--- PROVIDED INFORMATION Enclosed Below ---

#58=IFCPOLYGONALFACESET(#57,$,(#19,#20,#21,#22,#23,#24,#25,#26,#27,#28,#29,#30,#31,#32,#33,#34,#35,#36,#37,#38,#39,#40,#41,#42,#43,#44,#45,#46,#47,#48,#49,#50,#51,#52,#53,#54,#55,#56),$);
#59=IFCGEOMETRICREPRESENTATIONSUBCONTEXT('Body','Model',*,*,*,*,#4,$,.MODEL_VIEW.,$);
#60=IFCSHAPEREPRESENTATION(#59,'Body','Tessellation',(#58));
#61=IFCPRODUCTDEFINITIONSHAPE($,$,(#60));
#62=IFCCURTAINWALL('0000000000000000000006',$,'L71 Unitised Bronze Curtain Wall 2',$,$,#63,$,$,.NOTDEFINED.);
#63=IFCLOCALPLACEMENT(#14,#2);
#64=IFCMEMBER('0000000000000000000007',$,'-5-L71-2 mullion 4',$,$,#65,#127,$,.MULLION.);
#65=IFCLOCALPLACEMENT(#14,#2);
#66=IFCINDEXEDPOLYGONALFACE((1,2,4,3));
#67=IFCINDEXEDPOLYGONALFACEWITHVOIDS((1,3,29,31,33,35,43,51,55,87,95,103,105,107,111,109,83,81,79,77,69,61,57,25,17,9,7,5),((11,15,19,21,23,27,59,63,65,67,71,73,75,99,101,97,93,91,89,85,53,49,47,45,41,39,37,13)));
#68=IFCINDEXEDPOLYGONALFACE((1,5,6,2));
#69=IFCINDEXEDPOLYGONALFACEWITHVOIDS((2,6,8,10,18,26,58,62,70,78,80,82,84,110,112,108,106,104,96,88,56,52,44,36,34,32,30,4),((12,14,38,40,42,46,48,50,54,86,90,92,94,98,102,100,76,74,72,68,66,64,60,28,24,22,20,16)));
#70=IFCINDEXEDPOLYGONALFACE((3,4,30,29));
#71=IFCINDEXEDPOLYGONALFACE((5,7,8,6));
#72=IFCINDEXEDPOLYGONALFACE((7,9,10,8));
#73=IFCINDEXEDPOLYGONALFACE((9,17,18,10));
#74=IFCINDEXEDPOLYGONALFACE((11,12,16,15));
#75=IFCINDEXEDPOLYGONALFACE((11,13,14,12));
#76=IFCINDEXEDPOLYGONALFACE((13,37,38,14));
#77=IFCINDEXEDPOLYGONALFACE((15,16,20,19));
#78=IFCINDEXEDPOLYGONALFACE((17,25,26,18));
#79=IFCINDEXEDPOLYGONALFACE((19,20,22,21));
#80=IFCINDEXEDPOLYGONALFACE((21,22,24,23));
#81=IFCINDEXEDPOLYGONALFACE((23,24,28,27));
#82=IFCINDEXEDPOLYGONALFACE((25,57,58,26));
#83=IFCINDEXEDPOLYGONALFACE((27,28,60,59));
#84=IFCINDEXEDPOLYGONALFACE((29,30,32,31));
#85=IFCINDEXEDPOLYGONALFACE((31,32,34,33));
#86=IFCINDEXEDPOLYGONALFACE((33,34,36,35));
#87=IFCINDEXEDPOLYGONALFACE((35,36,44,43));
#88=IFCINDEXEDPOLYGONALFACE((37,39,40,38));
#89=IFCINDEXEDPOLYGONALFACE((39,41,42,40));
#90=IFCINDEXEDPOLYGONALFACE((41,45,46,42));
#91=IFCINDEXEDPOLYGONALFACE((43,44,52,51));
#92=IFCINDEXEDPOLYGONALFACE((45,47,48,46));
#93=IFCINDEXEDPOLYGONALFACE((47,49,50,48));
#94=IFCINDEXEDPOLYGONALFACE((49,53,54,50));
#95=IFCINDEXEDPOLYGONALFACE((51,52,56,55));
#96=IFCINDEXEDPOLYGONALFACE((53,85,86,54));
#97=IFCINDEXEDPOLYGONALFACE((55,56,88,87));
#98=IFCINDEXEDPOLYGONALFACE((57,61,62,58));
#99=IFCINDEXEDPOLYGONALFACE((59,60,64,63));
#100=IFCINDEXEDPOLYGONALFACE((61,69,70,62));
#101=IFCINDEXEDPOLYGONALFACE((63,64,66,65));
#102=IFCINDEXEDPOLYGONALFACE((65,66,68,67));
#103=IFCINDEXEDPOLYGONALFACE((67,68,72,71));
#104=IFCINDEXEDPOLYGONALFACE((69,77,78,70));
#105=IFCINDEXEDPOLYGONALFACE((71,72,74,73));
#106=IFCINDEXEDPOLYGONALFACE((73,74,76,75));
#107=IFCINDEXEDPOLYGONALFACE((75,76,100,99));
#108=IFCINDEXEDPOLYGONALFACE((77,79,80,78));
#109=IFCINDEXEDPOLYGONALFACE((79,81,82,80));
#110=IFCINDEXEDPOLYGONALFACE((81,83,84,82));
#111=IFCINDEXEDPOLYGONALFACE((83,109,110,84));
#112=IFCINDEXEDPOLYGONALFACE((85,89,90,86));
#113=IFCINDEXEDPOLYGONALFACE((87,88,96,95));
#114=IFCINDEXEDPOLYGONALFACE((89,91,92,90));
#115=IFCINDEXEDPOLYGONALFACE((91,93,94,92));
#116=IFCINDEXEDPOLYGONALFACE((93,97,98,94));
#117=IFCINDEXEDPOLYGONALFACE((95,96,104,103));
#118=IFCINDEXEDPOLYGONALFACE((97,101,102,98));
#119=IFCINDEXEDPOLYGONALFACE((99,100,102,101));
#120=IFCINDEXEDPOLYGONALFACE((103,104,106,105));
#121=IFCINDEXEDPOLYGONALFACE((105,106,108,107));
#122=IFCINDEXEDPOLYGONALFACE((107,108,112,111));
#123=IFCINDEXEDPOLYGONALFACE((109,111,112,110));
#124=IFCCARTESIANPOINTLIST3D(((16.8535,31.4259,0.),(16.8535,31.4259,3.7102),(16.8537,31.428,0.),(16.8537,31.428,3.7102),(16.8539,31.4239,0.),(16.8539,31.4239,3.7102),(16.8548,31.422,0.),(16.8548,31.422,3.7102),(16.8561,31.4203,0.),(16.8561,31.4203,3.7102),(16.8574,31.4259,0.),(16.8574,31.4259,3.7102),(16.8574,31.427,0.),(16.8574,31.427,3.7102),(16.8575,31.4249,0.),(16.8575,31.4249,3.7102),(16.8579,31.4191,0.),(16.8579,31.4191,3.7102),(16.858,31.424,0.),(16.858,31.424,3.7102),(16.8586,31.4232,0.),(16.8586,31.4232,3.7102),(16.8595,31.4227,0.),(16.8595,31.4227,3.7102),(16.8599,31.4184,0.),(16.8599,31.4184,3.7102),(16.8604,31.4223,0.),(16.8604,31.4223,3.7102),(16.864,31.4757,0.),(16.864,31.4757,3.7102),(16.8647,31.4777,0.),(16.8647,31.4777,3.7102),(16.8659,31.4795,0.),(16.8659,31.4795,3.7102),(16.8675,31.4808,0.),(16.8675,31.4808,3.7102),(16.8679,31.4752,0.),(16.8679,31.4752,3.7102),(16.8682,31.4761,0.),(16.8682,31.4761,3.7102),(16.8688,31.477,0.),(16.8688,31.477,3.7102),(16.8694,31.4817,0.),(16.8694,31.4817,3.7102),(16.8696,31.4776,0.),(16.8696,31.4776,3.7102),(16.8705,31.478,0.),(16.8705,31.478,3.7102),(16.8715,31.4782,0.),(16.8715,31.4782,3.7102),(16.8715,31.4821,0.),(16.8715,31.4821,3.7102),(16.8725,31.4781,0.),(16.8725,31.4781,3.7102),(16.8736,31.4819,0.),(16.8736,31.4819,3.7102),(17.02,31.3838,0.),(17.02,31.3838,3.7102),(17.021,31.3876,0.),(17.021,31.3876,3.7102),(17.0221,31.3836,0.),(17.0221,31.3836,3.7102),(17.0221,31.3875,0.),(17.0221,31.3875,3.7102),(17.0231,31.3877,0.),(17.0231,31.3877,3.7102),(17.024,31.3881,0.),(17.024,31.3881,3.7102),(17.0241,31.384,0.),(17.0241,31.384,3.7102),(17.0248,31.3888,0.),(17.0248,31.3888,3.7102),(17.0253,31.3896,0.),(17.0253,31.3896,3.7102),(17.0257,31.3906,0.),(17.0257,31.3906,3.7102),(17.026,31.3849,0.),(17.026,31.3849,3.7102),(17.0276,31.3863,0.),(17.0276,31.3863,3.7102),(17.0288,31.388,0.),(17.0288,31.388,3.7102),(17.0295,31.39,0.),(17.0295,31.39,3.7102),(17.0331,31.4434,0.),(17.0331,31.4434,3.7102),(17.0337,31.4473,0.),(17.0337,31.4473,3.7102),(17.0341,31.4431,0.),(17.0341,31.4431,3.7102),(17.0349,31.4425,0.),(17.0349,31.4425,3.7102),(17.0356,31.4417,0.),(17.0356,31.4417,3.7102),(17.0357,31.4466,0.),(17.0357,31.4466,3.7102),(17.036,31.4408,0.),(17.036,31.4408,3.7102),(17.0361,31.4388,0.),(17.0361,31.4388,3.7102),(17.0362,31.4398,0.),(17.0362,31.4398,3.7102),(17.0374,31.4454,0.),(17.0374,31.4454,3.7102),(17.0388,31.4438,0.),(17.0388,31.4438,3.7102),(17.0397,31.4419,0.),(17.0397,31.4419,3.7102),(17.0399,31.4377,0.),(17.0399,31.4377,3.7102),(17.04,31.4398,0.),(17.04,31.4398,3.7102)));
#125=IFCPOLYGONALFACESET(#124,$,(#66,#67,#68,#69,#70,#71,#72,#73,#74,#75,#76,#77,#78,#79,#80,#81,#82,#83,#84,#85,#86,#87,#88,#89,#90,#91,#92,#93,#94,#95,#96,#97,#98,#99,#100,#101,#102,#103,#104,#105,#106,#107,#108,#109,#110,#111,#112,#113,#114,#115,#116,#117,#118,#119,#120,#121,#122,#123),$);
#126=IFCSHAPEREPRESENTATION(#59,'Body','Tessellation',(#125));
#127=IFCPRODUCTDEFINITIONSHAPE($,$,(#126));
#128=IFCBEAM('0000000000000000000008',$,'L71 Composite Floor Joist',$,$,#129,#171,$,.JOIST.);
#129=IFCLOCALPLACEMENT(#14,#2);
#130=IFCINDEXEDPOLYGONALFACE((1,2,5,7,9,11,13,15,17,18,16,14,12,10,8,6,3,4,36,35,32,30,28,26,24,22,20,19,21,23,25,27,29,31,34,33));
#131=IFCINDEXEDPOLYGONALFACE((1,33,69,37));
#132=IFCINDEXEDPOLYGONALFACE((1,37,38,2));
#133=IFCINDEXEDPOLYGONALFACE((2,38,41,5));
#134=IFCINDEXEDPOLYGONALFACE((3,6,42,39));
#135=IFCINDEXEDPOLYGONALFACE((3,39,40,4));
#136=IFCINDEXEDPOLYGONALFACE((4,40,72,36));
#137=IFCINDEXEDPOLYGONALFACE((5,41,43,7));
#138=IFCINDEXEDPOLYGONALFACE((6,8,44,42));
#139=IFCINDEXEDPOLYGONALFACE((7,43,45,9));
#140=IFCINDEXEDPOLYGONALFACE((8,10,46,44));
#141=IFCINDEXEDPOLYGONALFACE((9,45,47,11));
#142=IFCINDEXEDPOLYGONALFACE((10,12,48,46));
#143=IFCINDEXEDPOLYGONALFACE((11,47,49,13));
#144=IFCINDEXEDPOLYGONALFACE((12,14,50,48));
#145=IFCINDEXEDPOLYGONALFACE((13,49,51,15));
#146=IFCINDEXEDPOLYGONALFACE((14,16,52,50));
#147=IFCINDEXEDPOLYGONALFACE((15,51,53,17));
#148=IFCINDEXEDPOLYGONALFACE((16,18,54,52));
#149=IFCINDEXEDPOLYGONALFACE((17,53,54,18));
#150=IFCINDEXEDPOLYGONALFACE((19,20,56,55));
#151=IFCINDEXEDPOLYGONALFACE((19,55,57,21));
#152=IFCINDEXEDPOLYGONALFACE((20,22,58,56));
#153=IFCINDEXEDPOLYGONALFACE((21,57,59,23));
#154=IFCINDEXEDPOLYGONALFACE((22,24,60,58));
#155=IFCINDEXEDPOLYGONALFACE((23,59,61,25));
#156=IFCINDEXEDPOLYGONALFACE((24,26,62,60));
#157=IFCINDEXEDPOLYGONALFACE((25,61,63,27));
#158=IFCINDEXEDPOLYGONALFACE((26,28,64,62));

--- End of Enclosed PROVIDED INFORMATION ---

▶ **WHAT TO WORK ON**: Transcribe the lines above between the line holding "#142=IFCINDEXEDPOLYGONALFACE((10,12,48,46));" and the line holding "#150=IFCINDEXEDPOLYGONALFACE((19,20,56,55));", inclusive, exactly as they stand and with nothing added.

▶ **OUTPUT OF THE EXERCISE**:
#142=IFCINDEXEDPOLYGONALFACE((10,12,48,46));
#143=IFCINDEXEDPOLYGONALFACE((11,47,49,13));
#144=IFCINDEXEDPOLYGONALFACE((12,14,50,48));
#145=IFCINDEXEDPOLYGONALFACE((13,49,51,15));
#146=IFCINDEXEDPOLYGONALFACE((14,16,52,50));
#147=IFCINDEXEDPOLYGONALFACE((15,51,53,17));
#148=IFCINDEXEDPOLYGONALFACE((16,18,54,52));
#149=IFCINDEXEDPOLYGONALFACE((17,53,54,18));
#150=IFCINDEXEDPOLYGONALFACE((19,20,56,55));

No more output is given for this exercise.